WHAT THE EXERCISE ASKS:
Keeping every word the same, return the listing from its first line until the line holding "#121=IFCINDEXEDPOLYGONALFACE((21,23,24,22));" has been returned as well.

EXTRACTED ENTRIES:
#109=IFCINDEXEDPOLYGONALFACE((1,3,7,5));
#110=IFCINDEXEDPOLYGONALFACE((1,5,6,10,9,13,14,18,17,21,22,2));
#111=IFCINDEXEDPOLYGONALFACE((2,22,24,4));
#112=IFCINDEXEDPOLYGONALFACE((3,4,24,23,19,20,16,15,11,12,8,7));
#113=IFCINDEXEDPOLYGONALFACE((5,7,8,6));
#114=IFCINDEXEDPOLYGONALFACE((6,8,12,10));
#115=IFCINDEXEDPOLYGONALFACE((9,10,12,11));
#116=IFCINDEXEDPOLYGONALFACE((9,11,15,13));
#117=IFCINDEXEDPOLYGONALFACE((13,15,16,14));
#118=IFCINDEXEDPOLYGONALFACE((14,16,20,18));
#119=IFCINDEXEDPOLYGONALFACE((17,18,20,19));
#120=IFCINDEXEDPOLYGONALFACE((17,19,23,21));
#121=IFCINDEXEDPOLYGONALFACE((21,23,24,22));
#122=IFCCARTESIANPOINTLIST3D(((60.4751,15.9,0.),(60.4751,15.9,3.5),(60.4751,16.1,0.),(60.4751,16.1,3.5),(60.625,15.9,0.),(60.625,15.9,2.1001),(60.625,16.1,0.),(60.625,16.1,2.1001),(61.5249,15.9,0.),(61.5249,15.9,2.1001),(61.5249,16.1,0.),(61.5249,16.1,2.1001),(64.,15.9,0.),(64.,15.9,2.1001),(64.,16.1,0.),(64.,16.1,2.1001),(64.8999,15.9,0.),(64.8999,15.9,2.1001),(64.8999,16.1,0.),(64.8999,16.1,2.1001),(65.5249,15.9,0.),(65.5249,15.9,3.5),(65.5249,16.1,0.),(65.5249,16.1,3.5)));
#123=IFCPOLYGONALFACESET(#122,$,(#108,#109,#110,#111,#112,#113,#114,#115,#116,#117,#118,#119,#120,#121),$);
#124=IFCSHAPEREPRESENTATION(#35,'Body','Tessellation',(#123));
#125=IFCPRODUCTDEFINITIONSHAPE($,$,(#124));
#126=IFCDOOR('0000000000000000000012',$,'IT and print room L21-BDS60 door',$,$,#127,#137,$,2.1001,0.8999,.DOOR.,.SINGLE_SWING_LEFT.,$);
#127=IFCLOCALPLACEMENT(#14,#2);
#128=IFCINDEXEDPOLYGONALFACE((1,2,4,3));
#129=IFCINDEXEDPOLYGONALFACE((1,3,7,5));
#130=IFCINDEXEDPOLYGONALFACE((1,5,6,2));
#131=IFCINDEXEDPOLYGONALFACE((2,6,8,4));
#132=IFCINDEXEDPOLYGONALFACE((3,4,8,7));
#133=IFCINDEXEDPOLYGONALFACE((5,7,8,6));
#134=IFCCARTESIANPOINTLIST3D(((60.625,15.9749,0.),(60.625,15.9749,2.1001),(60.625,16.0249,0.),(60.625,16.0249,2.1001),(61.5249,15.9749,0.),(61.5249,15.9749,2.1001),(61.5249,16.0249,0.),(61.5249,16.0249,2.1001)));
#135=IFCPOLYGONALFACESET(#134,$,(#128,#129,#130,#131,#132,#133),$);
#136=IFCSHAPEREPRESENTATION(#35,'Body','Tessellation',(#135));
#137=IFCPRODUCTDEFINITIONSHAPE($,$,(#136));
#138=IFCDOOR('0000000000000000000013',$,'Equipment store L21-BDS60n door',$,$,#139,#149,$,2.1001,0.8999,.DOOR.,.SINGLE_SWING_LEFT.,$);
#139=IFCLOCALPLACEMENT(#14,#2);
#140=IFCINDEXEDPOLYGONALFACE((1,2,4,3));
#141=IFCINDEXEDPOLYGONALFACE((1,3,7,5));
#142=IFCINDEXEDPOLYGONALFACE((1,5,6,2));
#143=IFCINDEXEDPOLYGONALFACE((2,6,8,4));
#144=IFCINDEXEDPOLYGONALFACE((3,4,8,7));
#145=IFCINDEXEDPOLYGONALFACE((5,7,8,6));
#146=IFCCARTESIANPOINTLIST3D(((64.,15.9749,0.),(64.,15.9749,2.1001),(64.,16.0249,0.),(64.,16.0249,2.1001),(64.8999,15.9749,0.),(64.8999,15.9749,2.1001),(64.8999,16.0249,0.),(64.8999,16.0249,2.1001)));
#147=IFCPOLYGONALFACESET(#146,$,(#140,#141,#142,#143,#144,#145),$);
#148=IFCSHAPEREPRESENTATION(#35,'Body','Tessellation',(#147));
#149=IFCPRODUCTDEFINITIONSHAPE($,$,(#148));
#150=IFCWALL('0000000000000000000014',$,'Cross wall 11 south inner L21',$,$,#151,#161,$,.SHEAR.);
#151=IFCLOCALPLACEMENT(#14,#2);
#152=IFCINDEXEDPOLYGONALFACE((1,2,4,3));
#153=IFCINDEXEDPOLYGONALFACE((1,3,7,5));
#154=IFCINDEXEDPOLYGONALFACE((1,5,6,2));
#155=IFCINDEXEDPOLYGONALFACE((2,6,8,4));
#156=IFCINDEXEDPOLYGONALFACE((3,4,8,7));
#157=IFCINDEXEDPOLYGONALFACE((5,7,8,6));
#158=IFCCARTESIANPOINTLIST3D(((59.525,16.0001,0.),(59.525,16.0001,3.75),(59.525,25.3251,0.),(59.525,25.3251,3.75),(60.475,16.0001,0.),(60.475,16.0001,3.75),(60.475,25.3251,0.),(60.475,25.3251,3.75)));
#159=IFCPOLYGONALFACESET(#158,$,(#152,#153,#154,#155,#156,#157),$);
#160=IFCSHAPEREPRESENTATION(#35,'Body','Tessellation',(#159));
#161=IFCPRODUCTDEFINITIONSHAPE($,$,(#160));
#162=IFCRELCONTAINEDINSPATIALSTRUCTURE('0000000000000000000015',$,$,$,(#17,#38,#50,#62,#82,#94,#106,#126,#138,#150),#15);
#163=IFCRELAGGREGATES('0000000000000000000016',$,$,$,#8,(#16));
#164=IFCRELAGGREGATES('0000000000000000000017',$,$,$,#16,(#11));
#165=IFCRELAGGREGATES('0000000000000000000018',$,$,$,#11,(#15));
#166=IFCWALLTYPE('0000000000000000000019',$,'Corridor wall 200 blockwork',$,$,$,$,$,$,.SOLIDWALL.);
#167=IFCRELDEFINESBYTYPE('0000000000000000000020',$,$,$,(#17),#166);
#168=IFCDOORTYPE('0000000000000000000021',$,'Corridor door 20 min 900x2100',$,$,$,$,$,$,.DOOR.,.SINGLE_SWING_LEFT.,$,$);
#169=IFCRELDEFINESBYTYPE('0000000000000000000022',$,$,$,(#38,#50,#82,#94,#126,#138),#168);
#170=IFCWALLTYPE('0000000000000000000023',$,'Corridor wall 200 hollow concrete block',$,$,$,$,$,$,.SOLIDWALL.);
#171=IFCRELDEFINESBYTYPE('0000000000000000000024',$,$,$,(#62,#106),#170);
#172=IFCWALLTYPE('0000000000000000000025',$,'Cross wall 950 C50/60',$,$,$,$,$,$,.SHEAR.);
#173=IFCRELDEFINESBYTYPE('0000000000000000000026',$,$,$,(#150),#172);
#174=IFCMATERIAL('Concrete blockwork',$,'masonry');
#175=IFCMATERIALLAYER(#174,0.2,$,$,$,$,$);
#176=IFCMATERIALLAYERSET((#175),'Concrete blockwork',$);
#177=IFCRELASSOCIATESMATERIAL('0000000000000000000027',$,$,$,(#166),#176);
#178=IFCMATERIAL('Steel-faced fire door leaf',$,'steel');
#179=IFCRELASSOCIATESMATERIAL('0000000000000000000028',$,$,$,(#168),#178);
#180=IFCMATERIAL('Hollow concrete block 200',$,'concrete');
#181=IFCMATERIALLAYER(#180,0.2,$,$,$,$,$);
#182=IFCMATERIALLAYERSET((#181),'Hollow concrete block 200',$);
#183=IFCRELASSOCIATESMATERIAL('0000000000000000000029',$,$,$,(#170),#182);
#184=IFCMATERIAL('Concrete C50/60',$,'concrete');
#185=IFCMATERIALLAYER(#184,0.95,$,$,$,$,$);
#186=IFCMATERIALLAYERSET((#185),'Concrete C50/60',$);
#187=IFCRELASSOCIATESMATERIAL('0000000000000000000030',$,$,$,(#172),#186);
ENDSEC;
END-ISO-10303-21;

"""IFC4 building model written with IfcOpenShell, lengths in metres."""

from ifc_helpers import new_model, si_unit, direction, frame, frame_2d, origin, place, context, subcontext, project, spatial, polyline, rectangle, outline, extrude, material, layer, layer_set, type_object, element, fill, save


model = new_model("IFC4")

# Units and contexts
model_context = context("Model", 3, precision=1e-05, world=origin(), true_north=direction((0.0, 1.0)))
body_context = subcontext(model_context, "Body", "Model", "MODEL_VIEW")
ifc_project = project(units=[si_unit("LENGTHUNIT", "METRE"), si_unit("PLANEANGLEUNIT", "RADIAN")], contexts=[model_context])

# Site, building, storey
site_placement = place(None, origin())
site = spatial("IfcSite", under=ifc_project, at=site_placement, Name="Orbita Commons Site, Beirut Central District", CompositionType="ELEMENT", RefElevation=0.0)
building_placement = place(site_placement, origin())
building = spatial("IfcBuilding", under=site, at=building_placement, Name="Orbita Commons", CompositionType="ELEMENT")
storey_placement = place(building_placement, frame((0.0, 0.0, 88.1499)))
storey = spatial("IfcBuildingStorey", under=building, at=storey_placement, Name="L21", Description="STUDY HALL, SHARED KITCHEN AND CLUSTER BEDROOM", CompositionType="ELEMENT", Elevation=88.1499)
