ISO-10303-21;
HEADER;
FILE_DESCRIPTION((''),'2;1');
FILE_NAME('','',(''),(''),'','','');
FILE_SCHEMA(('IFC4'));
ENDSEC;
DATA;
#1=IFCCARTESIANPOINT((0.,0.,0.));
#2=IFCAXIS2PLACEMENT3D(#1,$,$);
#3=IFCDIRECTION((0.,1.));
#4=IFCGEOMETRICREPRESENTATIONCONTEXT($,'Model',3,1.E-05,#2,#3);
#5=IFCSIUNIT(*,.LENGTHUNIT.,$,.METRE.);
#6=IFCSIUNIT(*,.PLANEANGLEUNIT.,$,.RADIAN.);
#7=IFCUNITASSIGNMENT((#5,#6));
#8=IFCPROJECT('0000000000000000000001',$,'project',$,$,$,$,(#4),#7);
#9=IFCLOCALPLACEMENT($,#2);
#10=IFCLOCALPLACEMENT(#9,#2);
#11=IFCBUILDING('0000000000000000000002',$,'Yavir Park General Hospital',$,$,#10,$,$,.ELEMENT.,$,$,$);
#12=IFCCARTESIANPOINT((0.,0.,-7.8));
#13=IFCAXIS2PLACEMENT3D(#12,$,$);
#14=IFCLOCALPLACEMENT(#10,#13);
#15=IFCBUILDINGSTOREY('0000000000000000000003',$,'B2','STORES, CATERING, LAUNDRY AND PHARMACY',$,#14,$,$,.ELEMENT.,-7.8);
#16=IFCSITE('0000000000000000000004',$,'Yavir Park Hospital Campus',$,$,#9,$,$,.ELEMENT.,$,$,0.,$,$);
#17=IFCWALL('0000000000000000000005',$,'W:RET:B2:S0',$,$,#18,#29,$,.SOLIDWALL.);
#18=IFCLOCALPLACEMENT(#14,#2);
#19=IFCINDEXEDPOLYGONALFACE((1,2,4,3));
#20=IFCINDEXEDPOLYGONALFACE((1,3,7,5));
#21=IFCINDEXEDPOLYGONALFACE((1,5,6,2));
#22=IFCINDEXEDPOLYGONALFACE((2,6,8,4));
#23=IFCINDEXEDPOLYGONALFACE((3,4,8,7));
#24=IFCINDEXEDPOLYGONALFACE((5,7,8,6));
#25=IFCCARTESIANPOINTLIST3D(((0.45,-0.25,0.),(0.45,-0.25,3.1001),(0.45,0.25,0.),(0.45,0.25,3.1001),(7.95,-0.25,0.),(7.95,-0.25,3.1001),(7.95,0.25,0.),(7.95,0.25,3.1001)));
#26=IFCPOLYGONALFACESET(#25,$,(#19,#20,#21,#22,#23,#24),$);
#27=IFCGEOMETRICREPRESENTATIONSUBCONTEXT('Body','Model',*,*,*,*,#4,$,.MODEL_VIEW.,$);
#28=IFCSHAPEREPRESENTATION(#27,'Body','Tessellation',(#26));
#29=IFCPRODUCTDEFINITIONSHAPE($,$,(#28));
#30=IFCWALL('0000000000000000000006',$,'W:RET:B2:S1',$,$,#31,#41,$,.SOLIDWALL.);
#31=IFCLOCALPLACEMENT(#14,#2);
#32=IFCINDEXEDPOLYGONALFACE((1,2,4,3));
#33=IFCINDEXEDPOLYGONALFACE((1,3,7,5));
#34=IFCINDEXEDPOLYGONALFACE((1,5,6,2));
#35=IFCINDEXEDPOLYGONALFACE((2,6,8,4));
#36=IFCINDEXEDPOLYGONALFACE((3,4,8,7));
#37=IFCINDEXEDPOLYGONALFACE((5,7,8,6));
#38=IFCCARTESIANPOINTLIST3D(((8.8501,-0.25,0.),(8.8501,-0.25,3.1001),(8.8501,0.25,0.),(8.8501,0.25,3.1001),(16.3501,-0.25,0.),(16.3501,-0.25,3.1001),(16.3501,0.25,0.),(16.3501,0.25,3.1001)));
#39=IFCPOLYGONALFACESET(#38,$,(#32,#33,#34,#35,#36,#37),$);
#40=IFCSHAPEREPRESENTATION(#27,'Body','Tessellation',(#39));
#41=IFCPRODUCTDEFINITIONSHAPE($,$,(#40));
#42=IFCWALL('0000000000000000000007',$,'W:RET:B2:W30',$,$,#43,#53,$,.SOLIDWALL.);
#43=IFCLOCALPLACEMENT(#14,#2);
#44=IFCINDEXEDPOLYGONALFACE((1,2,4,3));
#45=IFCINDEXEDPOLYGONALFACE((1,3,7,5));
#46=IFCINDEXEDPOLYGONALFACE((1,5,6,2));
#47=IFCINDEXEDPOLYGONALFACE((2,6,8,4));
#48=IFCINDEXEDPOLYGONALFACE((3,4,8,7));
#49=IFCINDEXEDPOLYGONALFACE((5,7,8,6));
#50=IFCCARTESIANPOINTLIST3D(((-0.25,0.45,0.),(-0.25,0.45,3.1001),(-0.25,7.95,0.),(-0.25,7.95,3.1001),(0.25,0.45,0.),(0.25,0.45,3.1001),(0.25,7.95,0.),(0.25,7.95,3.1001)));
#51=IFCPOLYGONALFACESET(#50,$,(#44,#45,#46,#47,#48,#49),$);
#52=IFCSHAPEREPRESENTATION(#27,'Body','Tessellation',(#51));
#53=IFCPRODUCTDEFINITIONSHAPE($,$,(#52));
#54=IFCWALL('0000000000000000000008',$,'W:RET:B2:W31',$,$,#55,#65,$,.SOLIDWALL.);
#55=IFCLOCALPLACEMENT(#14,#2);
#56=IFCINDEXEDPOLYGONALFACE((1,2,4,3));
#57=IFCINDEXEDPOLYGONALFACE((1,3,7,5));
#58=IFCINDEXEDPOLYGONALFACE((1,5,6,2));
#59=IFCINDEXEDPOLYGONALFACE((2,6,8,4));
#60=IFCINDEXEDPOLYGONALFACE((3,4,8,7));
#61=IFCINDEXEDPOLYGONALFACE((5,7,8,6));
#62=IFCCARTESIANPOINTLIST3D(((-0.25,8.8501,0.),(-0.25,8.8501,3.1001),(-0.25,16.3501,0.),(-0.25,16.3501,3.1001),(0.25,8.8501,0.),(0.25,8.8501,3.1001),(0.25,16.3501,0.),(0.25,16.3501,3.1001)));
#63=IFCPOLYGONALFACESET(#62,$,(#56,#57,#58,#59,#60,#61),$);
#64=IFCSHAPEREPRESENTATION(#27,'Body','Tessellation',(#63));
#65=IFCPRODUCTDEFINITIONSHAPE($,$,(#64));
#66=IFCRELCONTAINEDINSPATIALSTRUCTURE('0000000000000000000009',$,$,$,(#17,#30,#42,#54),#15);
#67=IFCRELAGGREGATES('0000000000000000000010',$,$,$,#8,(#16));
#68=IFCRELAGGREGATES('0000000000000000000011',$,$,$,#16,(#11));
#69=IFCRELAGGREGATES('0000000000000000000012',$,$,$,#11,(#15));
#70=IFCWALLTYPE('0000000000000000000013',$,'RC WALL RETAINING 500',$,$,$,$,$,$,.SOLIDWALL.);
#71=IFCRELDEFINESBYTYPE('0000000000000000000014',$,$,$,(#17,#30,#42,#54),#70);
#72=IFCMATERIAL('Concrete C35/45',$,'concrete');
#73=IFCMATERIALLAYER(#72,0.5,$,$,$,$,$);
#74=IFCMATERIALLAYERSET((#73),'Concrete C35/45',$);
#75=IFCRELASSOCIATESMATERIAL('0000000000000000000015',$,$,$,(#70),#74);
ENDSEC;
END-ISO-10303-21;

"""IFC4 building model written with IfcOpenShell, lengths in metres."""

from ifc_helpers import new_model, si_unit, direction, frame, frame_2d, origin, place, context, subcontext, project, spatial, rectangle, extrude, material, layer, layer_set, type_object, element, save


model = new_model("IFC4")

# Units and contexts
model_context = context("Model", 3, precision=1e-05, world=origin(), true_north=direction((0.0, 1.0)))
body_context = subcontext(model_context, "Body", "Model", "MODEL_VIEW")
ifc_project = project(units=[si_unit("LENGTHUNIT", "METRE"), si_unit("PLANEANGLEUNIT", "RADIAN")], contexts=[model_context])

# Site, building, storey
site_placement = place(None, origin())
site = spatial("IfcSite", under=ifc_project, at=site_placement, Name="Yavir Park Hospital Campus", CompositionType="ELEMENT", RefElevation=0.0)
building_placement = place(site_placement, origin())
building = spatial("IfcBuilding", under=site, at=building_placement, Name="Yavir Park General Hospital", CompositionType="ELEMENT")
storey_placement = place(building_placement, frame((0.0, 0.0, -7.8)))
storey = spatial("IfcBuildingStorey", under=building, at=storey_placement, Name="B2", Description="STORES, CATERING, LAUNDRY AND PHARMACY", CompositionType="ELEMENT", Elevation=-7.8)

# Walls
ifc_material_1 = material(Name="Concrete C35/45", Category="concrete")
ifc_layer_1 = layer(ifc_material_1, 0.5)
ifc_layer_set_1 = layer_set([ifc_layer_1], Name="Concrete C35/45")
wall_type_1 = type_object("IfcWallType", Name="RC WALL RETAINING 500", PredefinedType="SOLIDWALL", material=ifc_layer_set_1)
for number, where, z_axis, x_axis, name in (
    (1, (0.45, 0.0, 0.0), (0.0, 0.0, 1.0), (1.0, 0.0, 0.0), "W:RET:B2:S0"),
    (2, (8.8501, 0.0, 0.0), (0.0, 0.0, 1.0), (1.0, 0.0, 0.0), "W:RET:B2:S1"),
    (3, (0.0, 0.45, 0.0), (0.0, 0.0, 1.0), (0.0, 1.0, 0.0), "W:RET:B2:W30"),
    (4, (0.0, 8.8501, 0.0), (0.0, 0.0, 1.0), (0.0, 1.0, 0.0), "W:RET:B2:W31"),
):
    element("IfcWall", number, at=place(storey_placement, frame(where, z_axis=z_axis, x_axis=x_axis)), inside=storey, type_object=wall_type_1, Name=name, PredefinedType="SOLIDWALL", context=body_context, shape_type="SweptSolid", body=[
        extrude(rectangle(XDim=7.5, YDim=0.5, at=frame_2d((3.75, 0.0))), origin(), (0.0, 0.0, 1.0), 3.1001),
    ])

save(model, "model.ifc")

ANSWER SECTION:
#109=IFCINDEXEDPOLYGONALFACE((1,3,7,5));
#110=IFCINDEXEDPOLYGONALFACE((1,5,6,10,9,13,14,18,17,21,22,2));
#111=IFCINDEXEDPOLYGONALFACE((2,22,24,4));
#112=IFCINDEXEDPOLYGONALFACE((3,4,24,23,19,20,16,15,11,12,8,7));
#113=IFCINDEXEDPOLYGONALFACE((5,7,8,6));
#114=IFCINDEXEDPOLYGONALFACE((6,8,12,10));
#115=IFCINDEXEDPOLYGONALFACE((9,10,12,11));
#116=IFCINDEXEDPOLYGONALFACE((9,11,15,13));
#117=IFCINDEXEDPOLYGONALFACE((13,15,16,14));
#118=IFCINDEXEDPOLYGONALFACE((14,16,20,18));
#119=IFCINDEXEDPOLYGONALFACE((17,18,20,19));
#120=IFCINDEXEDPOLYGONALFACE((17,19,23,21));
#121=IFCINDEXEDPOLYGONALFACE((21,23,24,22));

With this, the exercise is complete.